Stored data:

________

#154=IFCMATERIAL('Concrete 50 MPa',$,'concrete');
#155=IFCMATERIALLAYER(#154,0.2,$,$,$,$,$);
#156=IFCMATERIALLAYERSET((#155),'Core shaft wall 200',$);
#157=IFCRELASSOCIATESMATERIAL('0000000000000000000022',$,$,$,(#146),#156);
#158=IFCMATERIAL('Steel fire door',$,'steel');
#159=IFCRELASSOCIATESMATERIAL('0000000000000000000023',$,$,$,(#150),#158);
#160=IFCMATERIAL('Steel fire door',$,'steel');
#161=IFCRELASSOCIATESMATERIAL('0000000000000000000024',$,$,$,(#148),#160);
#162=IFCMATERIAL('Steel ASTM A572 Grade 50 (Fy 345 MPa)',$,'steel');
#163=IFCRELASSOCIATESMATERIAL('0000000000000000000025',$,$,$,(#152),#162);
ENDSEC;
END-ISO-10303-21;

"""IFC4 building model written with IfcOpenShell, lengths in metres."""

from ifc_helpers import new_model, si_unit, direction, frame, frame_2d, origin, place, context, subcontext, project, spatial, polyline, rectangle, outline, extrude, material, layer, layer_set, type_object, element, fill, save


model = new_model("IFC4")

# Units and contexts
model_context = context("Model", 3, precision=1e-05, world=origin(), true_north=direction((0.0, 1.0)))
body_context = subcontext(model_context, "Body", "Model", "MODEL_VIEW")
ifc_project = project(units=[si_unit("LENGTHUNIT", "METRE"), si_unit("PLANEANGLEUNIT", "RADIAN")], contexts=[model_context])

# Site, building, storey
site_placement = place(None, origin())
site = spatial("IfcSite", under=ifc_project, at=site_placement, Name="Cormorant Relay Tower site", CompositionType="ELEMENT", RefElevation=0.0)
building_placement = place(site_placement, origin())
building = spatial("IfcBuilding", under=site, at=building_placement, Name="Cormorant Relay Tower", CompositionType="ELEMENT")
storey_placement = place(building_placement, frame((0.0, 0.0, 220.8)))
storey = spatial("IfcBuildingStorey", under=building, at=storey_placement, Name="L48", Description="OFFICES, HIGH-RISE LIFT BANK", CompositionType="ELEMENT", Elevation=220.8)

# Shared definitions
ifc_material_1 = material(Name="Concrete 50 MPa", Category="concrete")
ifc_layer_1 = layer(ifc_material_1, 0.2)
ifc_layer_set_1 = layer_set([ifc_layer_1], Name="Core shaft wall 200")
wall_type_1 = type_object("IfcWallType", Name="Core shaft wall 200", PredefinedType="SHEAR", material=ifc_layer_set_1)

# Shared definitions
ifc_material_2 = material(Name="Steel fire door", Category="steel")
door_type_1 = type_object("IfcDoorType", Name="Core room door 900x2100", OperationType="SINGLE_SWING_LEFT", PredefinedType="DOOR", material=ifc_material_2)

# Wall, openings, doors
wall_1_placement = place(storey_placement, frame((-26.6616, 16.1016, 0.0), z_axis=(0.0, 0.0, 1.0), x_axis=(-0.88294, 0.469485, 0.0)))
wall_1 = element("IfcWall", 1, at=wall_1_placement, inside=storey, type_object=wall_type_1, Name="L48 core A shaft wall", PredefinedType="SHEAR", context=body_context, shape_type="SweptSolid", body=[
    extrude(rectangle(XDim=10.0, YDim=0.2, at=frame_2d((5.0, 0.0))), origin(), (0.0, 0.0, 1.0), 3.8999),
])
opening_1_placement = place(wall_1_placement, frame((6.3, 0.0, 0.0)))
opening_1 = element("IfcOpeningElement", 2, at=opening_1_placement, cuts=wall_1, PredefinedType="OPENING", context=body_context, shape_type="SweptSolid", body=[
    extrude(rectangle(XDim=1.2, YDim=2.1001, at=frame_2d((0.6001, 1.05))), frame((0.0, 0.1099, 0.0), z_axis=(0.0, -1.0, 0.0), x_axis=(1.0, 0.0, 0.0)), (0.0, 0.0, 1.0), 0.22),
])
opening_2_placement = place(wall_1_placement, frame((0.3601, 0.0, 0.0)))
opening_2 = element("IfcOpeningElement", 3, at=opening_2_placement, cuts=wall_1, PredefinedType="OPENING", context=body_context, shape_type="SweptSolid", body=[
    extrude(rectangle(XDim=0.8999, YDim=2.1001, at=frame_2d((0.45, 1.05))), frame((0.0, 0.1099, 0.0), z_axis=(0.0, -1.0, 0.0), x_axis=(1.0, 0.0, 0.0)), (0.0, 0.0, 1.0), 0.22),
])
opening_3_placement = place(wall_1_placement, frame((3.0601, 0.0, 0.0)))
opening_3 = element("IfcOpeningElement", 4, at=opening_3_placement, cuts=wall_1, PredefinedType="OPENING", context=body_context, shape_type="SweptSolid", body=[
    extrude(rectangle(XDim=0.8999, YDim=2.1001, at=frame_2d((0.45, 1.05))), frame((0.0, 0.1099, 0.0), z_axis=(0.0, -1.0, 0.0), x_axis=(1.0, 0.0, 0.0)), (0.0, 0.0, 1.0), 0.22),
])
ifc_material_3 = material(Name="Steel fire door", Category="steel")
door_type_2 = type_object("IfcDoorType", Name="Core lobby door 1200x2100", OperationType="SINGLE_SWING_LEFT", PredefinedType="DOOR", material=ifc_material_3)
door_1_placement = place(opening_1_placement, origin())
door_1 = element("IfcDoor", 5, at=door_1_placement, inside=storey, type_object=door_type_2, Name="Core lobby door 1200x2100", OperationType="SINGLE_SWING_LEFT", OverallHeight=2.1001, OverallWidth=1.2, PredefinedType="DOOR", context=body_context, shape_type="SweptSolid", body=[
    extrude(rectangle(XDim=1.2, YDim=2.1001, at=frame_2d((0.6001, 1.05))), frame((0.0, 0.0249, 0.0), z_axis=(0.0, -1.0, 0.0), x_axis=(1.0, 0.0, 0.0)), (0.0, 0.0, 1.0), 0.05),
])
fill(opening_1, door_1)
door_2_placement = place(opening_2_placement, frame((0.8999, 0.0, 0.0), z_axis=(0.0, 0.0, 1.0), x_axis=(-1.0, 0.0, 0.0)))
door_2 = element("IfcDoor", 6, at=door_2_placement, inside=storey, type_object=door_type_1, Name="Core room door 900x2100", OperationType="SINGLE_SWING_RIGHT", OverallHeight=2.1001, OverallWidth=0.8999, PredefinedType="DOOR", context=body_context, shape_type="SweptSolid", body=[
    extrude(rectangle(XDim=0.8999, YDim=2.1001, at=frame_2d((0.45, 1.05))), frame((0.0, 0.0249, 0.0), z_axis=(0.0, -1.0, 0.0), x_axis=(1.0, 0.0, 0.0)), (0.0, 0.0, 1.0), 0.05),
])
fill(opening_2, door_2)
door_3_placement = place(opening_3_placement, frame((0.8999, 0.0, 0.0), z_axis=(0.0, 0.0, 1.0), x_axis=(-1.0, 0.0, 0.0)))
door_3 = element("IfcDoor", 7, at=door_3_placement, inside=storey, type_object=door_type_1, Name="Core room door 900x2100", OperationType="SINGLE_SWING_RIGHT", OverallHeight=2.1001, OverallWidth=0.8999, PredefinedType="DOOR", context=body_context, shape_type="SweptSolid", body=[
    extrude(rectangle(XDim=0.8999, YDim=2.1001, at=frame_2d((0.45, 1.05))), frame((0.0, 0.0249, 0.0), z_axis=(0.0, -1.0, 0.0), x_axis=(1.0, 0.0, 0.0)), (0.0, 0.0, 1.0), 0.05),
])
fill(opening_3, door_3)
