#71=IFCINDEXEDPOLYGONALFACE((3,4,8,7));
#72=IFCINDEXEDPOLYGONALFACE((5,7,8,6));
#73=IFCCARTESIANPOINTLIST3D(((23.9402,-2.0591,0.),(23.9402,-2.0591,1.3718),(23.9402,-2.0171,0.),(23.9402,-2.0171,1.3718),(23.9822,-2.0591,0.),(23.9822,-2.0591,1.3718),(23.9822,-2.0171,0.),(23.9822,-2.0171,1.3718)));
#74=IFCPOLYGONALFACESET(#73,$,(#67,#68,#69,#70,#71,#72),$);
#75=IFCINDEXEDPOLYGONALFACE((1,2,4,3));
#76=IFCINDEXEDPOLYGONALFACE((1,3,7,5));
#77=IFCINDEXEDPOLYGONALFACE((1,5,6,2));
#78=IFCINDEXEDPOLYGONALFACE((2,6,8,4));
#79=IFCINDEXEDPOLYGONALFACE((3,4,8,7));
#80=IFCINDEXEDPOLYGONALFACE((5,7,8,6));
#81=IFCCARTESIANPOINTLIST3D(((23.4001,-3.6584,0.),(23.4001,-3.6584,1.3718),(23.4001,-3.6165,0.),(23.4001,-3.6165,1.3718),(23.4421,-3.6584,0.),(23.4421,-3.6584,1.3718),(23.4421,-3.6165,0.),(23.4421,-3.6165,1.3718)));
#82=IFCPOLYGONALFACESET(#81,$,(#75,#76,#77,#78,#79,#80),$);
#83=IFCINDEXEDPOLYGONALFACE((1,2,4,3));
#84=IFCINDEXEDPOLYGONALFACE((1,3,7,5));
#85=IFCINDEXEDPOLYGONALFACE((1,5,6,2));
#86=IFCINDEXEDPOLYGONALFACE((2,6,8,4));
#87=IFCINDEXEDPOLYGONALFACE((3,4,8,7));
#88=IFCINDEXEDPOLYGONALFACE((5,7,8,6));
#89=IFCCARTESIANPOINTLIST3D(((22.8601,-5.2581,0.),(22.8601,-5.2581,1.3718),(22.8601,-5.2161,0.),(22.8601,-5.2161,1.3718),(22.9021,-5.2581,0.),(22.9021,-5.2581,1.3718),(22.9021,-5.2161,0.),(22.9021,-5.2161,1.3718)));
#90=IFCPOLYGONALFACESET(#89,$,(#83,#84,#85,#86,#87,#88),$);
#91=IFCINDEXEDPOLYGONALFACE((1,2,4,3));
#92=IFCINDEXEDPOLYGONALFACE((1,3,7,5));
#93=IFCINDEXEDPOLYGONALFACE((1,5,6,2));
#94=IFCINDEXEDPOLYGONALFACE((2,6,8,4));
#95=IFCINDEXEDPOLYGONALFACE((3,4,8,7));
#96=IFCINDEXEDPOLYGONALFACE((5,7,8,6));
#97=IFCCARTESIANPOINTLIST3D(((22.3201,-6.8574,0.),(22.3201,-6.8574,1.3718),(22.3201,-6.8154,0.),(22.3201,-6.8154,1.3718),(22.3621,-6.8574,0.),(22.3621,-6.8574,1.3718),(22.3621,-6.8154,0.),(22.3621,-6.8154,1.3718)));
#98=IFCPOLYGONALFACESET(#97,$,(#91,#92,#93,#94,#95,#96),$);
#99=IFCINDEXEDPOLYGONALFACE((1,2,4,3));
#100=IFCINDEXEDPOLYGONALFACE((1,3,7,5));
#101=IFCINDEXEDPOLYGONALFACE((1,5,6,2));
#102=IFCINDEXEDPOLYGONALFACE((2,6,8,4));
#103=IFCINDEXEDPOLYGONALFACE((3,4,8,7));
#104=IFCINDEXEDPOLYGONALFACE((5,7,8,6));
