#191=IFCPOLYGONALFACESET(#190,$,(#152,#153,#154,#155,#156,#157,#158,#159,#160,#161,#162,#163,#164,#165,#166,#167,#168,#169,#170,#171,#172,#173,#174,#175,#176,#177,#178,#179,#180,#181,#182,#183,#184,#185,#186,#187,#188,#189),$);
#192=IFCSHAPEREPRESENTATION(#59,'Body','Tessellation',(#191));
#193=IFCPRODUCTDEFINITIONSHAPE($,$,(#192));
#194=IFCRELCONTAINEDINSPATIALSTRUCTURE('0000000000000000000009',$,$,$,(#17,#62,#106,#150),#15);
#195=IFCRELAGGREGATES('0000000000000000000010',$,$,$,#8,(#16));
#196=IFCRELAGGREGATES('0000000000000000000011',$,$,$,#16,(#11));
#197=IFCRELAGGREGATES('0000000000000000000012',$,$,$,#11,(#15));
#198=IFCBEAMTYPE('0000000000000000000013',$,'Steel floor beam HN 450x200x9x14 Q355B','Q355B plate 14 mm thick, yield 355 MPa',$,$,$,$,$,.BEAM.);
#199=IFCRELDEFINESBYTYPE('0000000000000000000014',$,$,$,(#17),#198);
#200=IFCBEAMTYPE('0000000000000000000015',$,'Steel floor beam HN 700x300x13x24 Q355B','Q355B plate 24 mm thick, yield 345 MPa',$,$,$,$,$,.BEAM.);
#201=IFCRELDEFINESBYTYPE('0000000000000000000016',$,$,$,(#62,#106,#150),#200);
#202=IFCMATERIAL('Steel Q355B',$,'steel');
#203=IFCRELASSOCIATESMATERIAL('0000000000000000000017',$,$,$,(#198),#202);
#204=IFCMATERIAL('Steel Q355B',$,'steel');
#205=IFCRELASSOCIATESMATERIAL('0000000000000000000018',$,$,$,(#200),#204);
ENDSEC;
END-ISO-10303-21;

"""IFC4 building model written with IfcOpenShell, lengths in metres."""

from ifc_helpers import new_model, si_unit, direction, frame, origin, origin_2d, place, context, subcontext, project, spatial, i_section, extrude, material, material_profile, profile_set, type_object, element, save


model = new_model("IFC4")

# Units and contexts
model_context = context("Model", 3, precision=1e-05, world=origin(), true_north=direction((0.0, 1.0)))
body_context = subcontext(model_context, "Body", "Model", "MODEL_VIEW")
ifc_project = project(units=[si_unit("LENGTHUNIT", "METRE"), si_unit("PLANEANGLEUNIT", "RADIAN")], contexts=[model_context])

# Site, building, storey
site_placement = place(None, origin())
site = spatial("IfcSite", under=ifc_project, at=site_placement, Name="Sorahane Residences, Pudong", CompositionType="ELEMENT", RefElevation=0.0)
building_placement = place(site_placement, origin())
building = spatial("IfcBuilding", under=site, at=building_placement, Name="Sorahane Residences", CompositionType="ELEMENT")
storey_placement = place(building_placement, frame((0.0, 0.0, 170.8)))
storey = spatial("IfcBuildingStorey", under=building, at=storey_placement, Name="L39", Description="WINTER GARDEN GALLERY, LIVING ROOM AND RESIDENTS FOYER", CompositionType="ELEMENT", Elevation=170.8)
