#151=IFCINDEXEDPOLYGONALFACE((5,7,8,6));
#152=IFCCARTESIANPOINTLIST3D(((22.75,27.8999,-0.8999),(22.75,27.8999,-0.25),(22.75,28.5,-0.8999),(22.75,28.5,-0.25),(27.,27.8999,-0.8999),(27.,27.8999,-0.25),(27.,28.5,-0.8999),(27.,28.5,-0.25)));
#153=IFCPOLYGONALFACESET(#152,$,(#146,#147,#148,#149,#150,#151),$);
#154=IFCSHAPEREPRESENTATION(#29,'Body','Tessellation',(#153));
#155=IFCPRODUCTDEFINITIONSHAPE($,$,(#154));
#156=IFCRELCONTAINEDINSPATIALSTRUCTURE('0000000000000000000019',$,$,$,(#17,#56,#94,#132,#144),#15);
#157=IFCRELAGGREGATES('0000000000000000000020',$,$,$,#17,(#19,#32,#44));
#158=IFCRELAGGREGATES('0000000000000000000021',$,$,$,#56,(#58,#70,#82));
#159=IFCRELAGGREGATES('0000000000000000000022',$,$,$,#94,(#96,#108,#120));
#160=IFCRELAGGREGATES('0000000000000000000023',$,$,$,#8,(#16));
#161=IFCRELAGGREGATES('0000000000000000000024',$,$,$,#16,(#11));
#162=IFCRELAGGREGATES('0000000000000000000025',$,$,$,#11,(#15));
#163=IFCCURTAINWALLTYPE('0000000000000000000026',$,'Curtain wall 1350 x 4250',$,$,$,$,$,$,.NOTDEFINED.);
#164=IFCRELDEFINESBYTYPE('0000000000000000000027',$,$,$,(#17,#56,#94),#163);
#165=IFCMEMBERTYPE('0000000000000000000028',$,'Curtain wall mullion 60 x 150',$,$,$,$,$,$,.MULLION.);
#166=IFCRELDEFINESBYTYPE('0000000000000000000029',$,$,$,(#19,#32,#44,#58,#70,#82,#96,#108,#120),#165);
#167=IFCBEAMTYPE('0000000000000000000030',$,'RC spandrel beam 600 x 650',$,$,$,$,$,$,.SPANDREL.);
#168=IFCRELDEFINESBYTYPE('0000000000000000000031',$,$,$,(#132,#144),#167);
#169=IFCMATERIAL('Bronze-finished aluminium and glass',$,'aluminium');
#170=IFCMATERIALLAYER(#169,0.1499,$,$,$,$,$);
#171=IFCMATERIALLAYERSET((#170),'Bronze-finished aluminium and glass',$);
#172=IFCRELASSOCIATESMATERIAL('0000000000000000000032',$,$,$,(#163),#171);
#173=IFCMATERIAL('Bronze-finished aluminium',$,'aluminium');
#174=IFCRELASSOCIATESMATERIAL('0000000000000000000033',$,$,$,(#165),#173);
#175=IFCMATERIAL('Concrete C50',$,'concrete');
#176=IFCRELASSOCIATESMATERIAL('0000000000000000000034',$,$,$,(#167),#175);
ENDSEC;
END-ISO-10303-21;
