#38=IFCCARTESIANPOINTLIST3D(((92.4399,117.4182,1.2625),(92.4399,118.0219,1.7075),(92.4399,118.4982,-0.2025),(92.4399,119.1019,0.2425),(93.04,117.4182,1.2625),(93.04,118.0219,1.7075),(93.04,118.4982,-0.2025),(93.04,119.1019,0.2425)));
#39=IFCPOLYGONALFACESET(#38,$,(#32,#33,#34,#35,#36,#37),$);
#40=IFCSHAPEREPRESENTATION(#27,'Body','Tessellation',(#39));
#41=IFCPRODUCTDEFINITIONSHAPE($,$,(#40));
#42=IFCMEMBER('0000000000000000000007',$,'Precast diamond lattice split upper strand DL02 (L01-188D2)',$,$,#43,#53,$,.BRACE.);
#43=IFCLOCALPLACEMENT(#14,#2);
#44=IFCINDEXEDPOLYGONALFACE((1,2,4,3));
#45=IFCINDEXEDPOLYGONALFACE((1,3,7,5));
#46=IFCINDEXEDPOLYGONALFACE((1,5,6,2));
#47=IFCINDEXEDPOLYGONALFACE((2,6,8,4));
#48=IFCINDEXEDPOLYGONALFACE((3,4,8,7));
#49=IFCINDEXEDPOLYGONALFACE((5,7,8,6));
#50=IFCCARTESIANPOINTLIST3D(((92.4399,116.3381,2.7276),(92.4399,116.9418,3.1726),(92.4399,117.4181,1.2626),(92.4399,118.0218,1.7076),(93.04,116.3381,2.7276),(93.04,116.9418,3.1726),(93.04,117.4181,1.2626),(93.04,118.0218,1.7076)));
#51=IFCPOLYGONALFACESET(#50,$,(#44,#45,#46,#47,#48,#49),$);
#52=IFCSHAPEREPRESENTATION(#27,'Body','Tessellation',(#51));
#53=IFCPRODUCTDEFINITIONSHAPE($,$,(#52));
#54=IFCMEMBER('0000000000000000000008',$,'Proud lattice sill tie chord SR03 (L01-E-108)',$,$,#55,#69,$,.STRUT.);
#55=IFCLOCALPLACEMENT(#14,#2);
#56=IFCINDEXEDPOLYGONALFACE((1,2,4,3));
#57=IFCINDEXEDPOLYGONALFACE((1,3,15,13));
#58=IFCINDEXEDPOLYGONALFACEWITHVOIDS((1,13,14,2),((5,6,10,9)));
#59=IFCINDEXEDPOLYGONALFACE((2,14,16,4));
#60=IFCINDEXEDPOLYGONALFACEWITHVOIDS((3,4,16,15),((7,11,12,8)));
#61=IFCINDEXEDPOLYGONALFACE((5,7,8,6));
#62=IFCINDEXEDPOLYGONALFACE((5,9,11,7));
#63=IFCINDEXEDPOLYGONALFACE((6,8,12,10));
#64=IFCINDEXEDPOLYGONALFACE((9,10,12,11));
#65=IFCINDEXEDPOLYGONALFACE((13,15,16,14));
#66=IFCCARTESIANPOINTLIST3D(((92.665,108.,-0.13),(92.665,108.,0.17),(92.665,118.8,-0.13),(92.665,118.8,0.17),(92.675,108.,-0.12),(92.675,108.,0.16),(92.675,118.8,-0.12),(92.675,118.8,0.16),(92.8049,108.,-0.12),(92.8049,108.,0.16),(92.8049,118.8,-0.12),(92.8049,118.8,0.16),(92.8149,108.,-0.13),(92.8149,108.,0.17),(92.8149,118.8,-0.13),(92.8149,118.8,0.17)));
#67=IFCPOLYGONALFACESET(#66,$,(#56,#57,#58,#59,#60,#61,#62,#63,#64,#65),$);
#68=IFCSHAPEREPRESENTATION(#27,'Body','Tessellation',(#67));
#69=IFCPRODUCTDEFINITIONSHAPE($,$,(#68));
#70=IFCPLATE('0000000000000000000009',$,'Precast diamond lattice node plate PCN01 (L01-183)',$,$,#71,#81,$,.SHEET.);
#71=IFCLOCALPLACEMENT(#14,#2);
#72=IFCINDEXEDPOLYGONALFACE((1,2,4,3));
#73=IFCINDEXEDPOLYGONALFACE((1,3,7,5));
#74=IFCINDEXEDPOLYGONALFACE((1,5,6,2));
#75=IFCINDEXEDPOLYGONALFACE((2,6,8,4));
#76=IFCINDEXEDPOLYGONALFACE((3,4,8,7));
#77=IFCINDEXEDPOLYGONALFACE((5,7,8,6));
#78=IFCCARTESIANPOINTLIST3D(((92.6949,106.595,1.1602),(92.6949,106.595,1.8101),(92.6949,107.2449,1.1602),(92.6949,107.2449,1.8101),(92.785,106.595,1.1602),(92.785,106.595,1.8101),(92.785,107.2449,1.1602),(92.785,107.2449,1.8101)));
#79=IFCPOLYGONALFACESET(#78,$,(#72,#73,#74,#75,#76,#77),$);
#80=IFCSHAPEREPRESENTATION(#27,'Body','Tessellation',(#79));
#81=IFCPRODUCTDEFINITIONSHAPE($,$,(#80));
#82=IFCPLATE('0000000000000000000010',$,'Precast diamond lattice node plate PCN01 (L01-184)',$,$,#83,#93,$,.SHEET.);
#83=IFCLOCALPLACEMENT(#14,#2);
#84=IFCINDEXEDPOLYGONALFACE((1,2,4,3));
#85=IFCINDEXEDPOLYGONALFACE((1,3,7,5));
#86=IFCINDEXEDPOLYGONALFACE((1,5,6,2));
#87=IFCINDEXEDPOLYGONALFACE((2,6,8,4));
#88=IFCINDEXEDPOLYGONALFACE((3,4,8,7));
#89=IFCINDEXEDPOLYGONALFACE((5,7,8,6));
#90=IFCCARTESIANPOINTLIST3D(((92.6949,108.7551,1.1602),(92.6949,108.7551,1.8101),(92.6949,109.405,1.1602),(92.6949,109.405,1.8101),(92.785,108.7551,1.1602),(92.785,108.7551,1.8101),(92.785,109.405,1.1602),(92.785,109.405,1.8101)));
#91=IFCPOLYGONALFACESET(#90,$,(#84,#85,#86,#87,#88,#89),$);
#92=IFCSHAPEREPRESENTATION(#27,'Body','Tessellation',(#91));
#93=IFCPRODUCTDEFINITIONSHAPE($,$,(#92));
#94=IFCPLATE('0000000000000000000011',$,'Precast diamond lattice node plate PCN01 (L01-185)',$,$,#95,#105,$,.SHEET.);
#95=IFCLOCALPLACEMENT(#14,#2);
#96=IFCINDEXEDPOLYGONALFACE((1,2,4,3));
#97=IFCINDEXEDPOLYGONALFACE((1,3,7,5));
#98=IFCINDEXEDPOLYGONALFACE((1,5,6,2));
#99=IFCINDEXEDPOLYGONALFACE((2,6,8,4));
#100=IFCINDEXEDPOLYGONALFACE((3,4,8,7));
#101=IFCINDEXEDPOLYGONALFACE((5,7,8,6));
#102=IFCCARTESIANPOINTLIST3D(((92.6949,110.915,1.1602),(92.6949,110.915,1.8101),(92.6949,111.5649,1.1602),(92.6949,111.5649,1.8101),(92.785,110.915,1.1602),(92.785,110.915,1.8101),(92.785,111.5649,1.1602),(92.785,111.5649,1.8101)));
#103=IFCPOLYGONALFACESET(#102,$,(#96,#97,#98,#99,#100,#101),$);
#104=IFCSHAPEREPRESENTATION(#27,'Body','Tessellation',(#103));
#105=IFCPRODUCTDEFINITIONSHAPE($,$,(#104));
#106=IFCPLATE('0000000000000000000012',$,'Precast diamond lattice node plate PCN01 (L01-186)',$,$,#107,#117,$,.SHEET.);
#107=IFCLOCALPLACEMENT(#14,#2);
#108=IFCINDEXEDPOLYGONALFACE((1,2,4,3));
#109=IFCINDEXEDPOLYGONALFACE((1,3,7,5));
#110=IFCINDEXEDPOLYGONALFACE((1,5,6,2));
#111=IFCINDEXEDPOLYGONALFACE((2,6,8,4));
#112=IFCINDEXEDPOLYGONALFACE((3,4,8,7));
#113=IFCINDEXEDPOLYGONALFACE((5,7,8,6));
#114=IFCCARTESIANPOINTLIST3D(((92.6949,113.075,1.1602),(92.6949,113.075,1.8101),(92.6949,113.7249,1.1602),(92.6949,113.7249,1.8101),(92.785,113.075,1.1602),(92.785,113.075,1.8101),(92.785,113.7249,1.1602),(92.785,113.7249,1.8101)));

________

> _Instructions to follow_:
Above are the records. Print exactly, and only, the lines from the line with "#47=IFCINDEXEDPOLYGONALFACE((2,6,8,4));" to the line with "#65=IFCINDEXEDPOLYGONALFACE((13,15,16,14));", both inclusive.

> _Written reply_:
#47=IFCINDEXEDPOLYGONALFACE((2,6,8,4));
#48=IFCINDEXEDPOLYGONALFACE((3,4,8,7));
#49=IFCINDEXEDPOLYGONALFACE((5,7,8,6));
#50=IFCCARTESIANPOINTLIST3D(((92.4399,116.3381,2.7276),(92.4399,116.9418,3.1726),(92.4399,117.4181,1.2626),(92.4399,118.0218,1.7076),(93.04,116.3381,2.7276),(93.04,116.9418,3.1726),(93.04,117.4181,1.2626),(93.04,118.0218,1.7076)));
#51=IFCPOLYGONALFACESET(#50,$,(#44,#45,#46,#47,#48,#49),$);
#52=IFCSHAPEREPRESENTATION(#27,'Body','Tessellation',(#51));
#53=IFCPRODUCTDEFINITIONSHAPE($,$,(#52));
#54=IFCMEMBER('0000000000000000000008',$,'Proud lattice sill tie chord SR03 (L01-E-108)',$,$,#55,#69,$,.STRUT.);
#55=IFCLOCALPLACEMENT(#14,#2);
#56=IFCINDEXEDPOLYGONALFACE((1,2,4,3));
#57=IFCINDEXEDPOLYGONALFACE((1,3,15,13));
#58=IFCINDEXEDPOLYGONALFACEWITHVOIDS((1,13,14,2),((5,6,10,9)));
#59=IFCINDEXEDPOLYGONALFACE((2,14,16,4));
#60=IFCINDEXEDPOLYGONALFACEWITHVOIDS((3,4,16,15),((7,11,12,8)));
#61=IFCINDEXEDPOLYGONALFACE((5,7,8,6));
#62=IFCINDEXEDPOLYGONALFACE((5,9,11,7));
#63=IFCINDEXEDPOLYGONALFACE((6,8,12,10));
#64=IFCINDEXEDPOLYGONALFACE((9,10,12,11));
#65=IFCINDEXEDPOLYGONALFACE((13,15,16,14));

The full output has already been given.